(What you have to do): In the listing below, print exactly the lines between the line holding "#76=IFCINDEXEDPOLYGONALFACE((17,21,23,19));" and the line holding "#84=IFCINDEXEDPOLYGONALFACE((33,34,36,35));", inclusive, and no more.

⁂

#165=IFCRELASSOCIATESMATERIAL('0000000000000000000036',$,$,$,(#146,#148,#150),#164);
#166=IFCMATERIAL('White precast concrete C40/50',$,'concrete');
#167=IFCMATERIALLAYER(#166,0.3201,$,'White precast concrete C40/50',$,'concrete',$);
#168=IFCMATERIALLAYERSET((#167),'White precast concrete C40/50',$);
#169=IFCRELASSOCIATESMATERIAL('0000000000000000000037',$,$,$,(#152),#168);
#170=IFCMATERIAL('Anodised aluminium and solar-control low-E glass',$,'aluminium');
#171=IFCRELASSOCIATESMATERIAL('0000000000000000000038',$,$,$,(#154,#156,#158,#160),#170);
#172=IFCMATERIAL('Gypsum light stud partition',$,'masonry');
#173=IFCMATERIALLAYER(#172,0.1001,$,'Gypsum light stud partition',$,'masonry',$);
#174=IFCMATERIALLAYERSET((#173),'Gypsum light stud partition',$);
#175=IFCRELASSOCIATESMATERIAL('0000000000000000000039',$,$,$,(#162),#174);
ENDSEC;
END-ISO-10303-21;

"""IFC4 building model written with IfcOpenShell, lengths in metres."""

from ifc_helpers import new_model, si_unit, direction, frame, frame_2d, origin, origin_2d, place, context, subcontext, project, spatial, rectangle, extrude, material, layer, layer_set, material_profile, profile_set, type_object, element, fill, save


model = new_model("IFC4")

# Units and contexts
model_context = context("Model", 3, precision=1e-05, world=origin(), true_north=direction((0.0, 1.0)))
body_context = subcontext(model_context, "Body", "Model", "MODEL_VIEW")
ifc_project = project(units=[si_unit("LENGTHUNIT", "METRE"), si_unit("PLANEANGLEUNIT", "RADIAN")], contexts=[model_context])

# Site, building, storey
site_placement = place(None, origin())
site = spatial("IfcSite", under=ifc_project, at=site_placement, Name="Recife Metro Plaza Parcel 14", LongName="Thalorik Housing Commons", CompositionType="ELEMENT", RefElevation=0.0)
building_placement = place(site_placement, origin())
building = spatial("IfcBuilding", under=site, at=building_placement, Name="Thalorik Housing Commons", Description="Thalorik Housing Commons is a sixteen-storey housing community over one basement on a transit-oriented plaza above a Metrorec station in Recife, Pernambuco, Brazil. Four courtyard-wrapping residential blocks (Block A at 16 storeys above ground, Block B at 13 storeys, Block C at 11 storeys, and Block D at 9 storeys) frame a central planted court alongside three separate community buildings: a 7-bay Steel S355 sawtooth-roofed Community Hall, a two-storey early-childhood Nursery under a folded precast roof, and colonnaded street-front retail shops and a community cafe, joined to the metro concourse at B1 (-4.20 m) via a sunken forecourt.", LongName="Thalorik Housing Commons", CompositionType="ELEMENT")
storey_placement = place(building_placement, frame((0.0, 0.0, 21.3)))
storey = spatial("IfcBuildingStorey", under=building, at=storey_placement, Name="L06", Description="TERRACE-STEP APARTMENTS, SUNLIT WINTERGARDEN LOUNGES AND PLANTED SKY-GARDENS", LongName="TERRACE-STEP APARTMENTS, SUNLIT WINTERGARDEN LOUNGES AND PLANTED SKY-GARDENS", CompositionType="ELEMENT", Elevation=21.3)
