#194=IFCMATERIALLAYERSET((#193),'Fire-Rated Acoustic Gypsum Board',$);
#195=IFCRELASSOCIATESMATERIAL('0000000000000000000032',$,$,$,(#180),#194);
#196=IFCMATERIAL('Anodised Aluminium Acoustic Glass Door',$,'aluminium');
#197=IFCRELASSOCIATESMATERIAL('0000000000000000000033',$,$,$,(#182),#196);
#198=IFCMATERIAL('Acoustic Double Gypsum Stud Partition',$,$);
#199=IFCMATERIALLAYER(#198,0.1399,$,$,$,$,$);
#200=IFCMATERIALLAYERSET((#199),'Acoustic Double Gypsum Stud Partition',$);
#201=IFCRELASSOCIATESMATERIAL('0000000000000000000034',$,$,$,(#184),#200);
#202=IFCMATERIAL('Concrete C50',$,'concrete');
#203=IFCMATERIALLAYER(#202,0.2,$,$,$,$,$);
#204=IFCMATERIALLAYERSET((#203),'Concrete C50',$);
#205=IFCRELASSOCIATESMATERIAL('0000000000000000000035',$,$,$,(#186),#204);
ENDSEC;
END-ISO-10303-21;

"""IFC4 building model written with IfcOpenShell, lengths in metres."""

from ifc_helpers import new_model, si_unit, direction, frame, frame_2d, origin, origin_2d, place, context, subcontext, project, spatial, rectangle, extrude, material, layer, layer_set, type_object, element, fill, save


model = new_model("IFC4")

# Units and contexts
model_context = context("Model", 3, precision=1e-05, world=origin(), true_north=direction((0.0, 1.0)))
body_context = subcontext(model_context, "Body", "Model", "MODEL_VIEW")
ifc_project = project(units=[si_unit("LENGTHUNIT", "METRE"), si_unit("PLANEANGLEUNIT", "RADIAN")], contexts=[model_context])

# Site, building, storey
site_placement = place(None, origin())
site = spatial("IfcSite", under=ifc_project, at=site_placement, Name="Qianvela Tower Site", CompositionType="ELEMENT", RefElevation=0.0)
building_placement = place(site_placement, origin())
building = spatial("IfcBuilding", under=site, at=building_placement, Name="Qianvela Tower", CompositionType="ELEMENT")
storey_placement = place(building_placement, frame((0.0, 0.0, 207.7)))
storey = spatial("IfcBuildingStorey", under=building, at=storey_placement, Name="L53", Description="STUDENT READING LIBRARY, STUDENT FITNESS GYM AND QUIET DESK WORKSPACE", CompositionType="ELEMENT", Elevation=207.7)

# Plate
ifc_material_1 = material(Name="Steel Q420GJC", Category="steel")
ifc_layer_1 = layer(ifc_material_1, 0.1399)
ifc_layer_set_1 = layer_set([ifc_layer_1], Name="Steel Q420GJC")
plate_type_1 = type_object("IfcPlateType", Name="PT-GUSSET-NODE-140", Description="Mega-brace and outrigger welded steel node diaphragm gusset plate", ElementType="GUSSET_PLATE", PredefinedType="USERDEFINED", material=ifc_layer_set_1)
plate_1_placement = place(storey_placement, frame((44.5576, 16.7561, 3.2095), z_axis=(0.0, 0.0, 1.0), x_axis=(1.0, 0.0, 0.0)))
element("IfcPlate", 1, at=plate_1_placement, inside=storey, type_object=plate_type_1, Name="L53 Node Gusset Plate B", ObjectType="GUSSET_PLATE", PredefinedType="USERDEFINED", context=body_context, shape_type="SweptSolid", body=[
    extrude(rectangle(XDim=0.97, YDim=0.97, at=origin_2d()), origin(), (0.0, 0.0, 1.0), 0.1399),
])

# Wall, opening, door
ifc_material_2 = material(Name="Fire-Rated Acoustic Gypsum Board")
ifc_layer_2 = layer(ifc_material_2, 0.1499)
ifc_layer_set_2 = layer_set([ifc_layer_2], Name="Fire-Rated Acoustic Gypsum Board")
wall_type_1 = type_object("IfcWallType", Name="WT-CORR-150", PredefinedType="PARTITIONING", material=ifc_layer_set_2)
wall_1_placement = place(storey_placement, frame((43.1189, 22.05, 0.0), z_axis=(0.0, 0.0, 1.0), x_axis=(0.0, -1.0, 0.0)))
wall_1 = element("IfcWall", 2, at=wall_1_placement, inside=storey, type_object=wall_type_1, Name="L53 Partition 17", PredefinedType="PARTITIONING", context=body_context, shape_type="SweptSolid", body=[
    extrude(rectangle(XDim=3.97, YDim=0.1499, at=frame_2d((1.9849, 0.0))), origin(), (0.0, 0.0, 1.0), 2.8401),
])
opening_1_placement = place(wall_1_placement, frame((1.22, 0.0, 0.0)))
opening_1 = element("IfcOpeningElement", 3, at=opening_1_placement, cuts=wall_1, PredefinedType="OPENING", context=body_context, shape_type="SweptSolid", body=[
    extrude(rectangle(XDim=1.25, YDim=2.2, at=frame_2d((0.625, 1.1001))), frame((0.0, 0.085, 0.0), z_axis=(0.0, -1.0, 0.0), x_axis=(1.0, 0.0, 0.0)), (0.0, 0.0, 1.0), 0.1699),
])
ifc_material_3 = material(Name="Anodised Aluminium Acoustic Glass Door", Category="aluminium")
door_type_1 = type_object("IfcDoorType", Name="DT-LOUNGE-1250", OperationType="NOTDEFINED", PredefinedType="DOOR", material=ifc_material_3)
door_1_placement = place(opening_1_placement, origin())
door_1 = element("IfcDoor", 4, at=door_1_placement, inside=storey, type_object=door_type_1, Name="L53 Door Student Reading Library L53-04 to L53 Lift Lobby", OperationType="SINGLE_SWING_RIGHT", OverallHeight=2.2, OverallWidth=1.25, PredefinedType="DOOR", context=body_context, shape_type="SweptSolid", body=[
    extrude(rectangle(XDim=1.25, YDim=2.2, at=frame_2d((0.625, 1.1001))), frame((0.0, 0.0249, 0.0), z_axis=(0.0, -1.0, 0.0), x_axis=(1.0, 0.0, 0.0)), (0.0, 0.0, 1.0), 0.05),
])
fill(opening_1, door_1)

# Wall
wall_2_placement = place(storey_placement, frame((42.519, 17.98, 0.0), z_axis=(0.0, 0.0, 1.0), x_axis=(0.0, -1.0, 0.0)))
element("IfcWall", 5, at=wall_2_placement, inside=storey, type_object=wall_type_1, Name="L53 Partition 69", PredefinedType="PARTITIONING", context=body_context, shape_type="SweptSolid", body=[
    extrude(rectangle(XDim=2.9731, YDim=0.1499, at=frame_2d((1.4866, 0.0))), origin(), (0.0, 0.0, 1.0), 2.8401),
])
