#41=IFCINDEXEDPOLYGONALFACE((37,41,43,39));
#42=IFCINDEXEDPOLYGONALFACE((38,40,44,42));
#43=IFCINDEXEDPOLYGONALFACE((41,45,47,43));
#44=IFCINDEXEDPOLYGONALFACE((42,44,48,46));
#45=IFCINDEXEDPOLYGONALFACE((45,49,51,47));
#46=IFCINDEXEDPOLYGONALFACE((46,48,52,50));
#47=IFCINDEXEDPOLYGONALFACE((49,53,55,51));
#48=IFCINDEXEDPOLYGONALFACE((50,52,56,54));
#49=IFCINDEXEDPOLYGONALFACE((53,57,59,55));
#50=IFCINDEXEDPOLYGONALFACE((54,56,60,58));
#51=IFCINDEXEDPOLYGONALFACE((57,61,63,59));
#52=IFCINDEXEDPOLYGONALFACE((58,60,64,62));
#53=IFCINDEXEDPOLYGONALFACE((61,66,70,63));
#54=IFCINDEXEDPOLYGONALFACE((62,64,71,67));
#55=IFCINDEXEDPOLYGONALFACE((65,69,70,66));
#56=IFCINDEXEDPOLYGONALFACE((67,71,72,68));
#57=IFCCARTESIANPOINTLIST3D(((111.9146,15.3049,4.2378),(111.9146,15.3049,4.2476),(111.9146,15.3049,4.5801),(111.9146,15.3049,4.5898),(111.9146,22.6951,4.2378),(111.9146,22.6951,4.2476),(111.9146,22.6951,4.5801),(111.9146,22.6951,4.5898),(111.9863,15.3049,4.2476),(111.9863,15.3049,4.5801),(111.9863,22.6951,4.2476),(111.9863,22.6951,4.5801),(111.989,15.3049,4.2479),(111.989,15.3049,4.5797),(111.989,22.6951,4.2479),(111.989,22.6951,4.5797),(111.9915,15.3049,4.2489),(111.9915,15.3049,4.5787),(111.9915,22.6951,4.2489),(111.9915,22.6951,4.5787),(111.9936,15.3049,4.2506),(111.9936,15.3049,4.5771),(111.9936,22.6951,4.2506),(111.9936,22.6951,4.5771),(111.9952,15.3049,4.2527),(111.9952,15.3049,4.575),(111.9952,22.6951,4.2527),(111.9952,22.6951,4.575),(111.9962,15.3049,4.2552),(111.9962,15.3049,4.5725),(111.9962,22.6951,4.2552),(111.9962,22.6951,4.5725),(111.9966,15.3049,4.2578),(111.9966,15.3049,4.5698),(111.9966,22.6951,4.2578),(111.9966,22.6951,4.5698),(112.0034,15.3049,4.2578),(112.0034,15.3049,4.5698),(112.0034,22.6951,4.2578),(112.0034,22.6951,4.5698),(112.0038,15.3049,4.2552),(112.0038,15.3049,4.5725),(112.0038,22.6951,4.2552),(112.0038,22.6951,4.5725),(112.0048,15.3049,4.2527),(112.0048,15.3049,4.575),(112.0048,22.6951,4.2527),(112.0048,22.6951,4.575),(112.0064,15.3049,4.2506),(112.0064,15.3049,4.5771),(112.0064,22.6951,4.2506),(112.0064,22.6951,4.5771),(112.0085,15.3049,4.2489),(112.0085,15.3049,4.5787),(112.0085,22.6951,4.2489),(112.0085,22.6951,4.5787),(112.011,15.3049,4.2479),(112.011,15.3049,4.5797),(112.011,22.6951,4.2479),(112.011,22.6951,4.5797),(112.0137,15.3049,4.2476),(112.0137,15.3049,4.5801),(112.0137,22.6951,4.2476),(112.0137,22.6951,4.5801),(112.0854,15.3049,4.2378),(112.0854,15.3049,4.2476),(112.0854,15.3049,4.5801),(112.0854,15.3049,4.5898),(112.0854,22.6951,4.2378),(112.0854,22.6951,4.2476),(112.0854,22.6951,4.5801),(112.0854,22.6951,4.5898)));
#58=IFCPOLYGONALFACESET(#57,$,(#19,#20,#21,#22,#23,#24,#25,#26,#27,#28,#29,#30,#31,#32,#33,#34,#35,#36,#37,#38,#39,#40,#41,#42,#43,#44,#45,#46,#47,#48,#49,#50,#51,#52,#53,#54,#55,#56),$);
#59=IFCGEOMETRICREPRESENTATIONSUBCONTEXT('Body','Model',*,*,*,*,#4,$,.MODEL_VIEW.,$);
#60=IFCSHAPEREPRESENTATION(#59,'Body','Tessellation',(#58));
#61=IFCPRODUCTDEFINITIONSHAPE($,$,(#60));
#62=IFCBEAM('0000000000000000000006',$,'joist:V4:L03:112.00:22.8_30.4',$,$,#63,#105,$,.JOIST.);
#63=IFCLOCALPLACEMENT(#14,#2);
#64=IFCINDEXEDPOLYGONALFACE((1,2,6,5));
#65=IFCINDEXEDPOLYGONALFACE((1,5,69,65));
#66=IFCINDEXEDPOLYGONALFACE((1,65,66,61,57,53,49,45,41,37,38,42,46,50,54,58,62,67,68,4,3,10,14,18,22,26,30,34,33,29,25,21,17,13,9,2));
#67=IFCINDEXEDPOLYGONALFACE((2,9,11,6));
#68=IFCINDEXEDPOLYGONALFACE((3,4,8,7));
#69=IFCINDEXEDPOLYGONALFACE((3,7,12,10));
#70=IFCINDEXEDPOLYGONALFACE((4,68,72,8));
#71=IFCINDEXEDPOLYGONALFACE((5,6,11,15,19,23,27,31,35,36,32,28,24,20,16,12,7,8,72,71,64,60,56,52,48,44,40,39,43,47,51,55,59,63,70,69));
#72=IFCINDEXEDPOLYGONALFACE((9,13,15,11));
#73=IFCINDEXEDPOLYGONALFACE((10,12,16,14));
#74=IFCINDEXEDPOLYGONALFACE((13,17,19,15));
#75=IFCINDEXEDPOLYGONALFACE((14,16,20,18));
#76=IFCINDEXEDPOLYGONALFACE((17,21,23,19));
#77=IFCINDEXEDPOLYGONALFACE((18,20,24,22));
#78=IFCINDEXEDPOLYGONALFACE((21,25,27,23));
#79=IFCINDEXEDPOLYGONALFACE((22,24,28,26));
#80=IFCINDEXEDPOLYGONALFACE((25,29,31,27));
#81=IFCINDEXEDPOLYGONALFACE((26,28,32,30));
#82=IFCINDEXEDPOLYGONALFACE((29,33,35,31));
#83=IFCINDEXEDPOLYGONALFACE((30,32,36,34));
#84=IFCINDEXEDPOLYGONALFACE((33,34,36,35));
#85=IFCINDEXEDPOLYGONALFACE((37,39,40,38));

⁂

(Task output):
#76=IFCINDEXEDPOLYGONALFACE((17,21,23,19));
#77=IFCINDEXEDPOLYGONALFACE((18,20,24,22));
#78=IFCINDEXEDPOLYGONALFACE((21,25,27,23));
#79=IFCINDEXEDPOLYGONALFACE((22,24,28,26));
#80=IFCINDEXEDPOLYGONALFACE((25,29,31,27));
#81=IFCINDEXEDPOLYGONALFACE((26,28,32,30));
#82=IFCINDEXEDPOLYGONALFACE((29,33,35,31));
#83=IFCINDEXEDPOLYGONALFACE((30,32,36,34));
#84=IFCINDEXEDPOLYGONALFACE((33,34,36,35));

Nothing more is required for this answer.